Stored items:
----

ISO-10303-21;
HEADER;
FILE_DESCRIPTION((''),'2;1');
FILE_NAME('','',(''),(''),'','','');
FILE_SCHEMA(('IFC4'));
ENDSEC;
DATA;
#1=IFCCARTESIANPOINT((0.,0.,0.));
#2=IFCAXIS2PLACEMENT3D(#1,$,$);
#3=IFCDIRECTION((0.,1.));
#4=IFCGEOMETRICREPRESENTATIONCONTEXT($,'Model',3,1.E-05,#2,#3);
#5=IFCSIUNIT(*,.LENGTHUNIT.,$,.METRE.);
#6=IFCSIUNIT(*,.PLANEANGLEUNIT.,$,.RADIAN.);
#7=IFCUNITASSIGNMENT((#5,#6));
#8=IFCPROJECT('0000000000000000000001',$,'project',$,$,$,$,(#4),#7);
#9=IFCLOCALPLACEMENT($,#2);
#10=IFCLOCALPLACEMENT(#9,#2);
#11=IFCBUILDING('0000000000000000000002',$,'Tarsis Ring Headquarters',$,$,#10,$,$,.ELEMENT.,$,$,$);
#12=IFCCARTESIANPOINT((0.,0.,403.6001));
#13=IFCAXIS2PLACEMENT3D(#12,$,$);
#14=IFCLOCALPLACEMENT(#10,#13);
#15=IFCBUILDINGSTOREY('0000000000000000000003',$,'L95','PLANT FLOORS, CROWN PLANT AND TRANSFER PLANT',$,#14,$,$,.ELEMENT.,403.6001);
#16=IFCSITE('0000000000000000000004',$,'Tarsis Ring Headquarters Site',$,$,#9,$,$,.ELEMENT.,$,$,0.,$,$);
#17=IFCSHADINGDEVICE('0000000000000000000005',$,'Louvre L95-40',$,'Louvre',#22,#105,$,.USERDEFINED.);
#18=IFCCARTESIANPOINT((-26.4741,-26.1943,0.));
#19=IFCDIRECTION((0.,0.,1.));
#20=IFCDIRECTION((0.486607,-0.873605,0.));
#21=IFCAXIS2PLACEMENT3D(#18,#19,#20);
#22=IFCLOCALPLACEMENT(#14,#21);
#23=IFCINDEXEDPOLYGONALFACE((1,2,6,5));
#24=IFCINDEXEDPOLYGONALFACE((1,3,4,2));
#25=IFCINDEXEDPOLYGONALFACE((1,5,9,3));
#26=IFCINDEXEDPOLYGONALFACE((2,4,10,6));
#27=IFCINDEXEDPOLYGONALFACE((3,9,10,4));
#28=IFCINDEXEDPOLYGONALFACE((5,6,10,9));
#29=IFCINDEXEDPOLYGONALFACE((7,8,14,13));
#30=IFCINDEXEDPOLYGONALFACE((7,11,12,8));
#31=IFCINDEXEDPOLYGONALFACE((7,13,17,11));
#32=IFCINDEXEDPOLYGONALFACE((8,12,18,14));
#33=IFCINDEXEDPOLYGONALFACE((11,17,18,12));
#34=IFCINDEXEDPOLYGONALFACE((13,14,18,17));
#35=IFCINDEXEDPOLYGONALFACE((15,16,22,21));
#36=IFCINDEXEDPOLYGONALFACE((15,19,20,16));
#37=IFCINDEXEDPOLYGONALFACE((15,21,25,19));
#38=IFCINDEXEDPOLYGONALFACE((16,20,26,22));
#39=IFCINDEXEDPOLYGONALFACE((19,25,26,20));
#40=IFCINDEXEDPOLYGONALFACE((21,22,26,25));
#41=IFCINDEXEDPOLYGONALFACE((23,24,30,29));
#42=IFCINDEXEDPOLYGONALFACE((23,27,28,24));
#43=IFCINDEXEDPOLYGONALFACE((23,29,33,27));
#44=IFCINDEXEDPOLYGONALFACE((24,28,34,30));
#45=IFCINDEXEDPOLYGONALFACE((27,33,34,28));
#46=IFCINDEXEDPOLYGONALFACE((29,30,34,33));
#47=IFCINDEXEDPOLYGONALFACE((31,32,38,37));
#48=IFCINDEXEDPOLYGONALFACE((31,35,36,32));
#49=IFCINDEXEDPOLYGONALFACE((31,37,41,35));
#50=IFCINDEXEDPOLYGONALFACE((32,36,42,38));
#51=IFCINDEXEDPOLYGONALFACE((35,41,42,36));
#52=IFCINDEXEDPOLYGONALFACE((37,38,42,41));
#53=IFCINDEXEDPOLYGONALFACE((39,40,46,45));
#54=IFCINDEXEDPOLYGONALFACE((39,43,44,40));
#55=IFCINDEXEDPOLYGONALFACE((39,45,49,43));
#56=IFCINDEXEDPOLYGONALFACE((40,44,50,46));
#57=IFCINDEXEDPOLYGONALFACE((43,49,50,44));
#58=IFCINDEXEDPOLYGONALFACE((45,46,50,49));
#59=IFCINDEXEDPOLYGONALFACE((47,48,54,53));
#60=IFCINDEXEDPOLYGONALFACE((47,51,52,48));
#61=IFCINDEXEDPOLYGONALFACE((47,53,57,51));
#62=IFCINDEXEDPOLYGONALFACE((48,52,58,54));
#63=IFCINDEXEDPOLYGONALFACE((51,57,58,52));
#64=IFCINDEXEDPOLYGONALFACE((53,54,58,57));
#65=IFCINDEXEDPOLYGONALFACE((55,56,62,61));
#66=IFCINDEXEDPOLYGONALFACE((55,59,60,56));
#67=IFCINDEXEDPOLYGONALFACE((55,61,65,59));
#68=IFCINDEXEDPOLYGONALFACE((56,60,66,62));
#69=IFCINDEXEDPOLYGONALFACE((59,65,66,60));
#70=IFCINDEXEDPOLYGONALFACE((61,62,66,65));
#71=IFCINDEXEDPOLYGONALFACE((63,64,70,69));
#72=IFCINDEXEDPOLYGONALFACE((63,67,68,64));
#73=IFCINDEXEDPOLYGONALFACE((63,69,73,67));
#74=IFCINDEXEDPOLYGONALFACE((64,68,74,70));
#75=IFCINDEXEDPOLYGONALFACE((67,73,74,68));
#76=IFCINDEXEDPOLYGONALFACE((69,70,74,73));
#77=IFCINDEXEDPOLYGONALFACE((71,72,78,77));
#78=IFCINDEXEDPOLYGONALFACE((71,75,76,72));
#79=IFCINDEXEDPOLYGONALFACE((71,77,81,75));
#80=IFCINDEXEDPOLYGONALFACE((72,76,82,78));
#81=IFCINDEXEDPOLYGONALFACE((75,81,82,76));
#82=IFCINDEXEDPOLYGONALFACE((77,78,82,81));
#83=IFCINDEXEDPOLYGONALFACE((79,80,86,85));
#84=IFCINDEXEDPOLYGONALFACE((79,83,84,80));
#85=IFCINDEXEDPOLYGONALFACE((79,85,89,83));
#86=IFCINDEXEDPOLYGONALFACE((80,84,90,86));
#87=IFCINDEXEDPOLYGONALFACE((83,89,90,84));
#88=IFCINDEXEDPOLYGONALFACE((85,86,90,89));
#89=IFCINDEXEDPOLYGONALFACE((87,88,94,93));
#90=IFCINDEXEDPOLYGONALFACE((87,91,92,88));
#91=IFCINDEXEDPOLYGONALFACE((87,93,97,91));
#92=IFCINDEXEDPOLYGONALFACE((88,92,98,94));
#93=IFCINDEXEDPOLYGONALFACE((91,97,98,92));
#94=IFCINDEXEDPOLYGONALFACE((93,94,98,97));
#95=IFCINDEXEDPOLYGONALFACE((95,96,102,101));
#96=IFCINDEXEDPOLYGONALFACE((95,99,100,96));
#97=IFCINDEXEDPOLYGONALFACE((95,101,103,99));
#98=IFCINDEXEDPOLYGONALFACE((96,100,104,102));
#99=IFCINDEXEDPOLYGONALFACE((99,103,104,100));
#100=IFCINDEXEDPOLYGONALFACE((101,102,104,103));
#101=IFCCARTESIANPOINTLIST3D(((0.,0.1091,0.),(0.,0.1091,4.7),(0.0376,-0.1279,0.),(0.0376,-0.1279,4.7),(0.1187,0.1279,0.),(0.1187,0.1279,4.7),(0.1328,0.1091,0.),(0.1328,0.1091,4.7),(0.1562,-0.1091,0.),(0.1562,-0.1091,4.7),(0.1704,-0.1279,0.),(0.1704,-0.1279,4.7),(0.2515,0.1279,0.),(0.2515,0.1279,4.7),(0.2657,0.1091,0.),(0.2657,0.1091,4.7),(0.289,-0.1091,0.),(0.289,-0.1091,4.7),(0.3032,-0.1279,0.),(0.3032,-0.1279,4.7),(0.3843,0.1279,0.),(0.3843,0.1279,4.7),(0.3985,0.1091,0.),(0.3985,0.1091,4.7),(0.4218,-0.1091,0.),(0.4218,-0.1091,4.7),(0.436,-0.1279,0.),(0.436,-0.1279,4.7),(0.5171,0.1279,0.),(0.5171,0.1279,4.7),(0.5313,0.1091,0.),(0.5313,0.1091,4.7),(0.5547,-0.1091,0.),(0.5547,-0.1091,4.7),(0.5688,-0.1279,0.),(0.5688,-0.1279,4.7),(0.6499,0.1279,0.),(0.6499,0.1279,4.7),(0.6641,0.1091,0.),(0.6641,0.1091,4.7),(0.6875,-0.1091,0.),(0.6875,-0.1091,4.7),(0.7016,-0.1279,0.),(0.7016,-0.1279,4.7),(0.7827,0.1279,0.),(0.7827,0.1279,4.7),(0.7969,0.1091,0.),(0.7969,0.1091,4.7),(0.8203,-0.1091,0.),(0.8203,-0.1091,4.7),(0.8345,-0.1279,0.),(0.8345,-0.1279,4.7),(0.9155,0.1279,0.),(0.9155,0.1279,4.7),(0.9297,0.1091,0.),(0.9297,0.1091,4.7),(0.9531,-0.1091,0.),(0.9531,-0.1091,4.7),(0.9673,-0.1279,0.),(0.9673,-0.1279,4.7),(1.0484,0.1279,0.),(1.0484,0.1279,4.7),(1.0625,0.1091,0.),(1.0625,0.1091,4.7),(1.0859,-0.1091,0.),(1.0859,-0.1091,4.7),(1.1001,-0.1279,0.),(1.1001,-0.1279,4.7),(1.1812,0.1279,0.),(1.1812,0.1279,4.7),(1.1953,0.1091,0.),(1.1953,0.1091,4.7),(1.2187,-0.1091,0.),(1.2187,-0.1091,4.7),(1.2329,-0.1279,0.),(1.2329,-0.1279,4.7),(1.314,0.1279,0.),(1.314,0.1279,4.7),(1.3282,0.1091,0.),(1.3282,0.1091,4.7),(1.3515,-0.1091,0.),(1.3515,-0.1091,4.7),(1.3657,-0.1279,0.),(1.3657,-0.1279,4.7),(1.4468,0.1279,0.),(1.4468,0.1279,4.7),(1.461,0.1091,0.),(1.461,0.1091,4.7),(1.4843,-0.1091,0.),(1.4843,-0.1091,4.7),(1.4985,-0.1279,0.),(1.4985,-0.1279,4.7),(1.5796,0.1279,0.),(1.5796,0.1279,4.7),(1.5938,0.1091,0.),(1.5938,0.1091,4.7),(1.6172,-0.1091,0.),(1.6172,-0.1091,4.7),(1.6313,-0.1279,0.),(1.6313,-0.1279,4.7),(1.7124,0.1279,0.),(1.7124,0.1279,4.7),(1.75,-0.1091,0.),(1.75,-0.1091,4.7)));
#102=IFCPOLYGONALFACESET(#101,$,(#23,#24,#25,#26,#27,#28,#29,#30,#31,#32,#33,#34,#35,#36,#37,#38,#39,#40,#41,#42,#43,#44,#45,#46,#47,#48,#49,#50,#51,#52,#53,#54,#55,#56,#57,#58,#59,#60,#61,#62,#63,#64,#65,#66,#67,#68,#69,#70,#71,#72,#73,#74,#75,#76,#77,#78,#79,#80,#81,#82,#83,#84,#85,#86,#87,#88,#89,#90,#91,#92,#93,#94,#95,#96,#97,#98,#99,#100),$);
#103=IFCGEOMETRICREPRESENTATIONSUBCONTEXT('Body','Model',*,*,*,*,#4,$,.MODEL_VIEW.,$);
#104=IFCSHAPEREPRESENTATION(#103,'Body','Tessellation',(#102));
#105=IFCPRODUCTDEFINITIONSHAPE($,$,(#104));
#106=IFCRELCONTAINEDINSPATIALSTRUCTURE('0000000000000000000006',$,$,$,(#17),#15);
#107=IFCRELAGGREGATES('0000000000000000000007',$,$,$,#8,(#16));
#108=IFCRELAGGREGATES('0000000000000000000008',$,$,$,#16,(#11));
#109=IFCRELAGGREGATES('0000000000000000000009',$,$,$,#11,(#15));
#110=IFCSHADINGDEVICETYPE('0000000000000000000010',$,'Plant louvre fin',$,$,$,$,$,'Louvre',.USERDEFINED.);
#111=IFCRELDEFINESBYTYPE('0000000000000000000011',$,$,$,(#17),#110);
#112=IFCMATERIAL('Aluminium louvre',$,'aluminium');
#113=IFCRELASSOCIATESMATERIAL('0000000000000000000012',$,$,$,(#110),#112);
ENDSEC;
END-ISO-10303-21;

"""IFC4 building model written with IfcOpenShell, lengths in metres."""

from ifc_helpers import new_model, si_unit, direction, frame, frame_2d, origin, place, context, subcontext, project, spatial, rectangle, composite_profile, extrude, material, type_object, element, save


model = new_model("IFC4")

# Units and contexts
model_context = context("Model", 3, precision=1e-05, world=origin(), true_north=direction((0.0, 1.0)))
body_context = subcontext(model_context, "Body", "Model", "MODEL_VIEW")
ifc_project = project(units=[si_unit("LENGTHUNIT", "METRE"), si_unit("PLANEANGLEUNIT", "RADIAN")], contexts=[model_context])

# Site, building, storey
site_placement = place(None, origin())
site = spatial("IfcSite", under=ifc_project, at=site_placement, Name="Tarsis Ring Headquarters Site", CompositionType="ELEMENT", RefElevation=0.0)
building_placement = place(site_placement, origin())
building = spatial("IfcBuilding", under=site, at=building_placement, Name="Tarsis Ring Headquarters", CompositionType="ELEMENT")
storey_placement = place(building_placement, frame((0.0, 0.0, 403.6001)))
storey = spatial("IfcBuildingStorey", under=building, at=storey_placement, Name="L95", Description="PLANT FLOORS, CROWN PLANT AND TRANSFER PLANT", CompositionType="ELEMENT", Elevation=403.6001)

# Shading device
ifc_material_1 = material(Name="Aluminium louvre", Category="aluminium")
shading_device_type_1 = type_object("IfcShadingDeviceType", Name="Plant louvre fin", ElementType="Louvre", PredefinedType="USERDEFINED", material=ifc_material_1)
shading_device_1_placement = place(storey_placement, frame((-26.4741, -26.1943, 0.0), z_axis=(0.0, 0.0, 1.0), x_axis=(0.486607, -0.873605, 0.0)))
element("IfcShadingDevice", 1, at=shading_device_1_placement, inside=storey, type_object=shading_device_type_1, Name="Louvre L95-40", ObjectType="Louvre", PredefinedType="USERDEFINED", context=body_context, shape_type="SweptSolid", body=[
    extrude(composite_profile([rectangle(XDim=0.1201, YDim=0.24, at=frame_2d((0.0781, 0.0), x_axis=(0.987688, 0.156434))), rectangle(XDim=0.1201, YDim=0.24, at=frame_2d((0.2109, 0.0), x_axis=(0.987688, 0.156434))), rectangle(XDim=0.1201, YDim=0.24, at=frame_2d((0.3438, 0.0), x_axis=(0.987688, 0.156434))), rectangle(XDim=0.1201, YDim=0.24, at=frame_2d((0.4766, 0.0), x_axis=(0.987688, 0.156434))), rectangle(XDim=0.1201, YDim=0.24, at=frame_2d((0.6094, 0.0), x_axis=(0.987688, 0.156434))), rectangle(XDim=0.1201, YDim=0.24, at=frame_2d((0.7422, 0.0), x_axis=(0.987688, 0.156434))), rectangle(XDim=0.1201, YDim=0.24, at=frame_2d((0.875, 0.0), x_axis=(0.987688, 0.156434))), rectangle(XDim=0.1201, YDim=0.24, at=frame_2d((1.0078, 0.0), x_axis=(0.987688, 0.156434))), rectangle(XDim=0.1201, YDim=0.24, at=frame_2d((1.1406, 0.0), x_axis=(0.987688, 0.156434))), rectangle(XDim=0.1201, YDim=0.24, at=frame_2d((1.2734, 0.0), x_axis=(0.987688, 0.156434))), rectangle(XDim=0.1201, YDim=0.24, at=frame_2d((1.4062, 0.0), x_axis=(0.987688, 0.156434))), rectangle(XDim=0.1201, YDim=0.24, at=frame_2d((1.5391, 0.0), x_axis=(0.987688, 0.156434))), rectangle(XDim=0.1201, YDim=0.24, at=frame_2d((1.6719, 0.0), x_axis=(0.987688, 0.156434)))]), origin(), (0.0, 0.0, 1.0), 4.7),
])

save(model, "model.ifc")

----

▶ AIM OF THE EXERCISE
Return the lines above that include the string "IFCRELAGGREGATES".

▶ RESULT
#107=IFCRELAGGREGATES('0000000000000000000007',$,$,$,#8,(#16));
#108=IFCRELAGGREGATES('0000000000000000000008',$,$,$,#16,(#11));
#109=IFCRELAGGREGATES('0000000000000000000009',$,$,$,#11,(#15));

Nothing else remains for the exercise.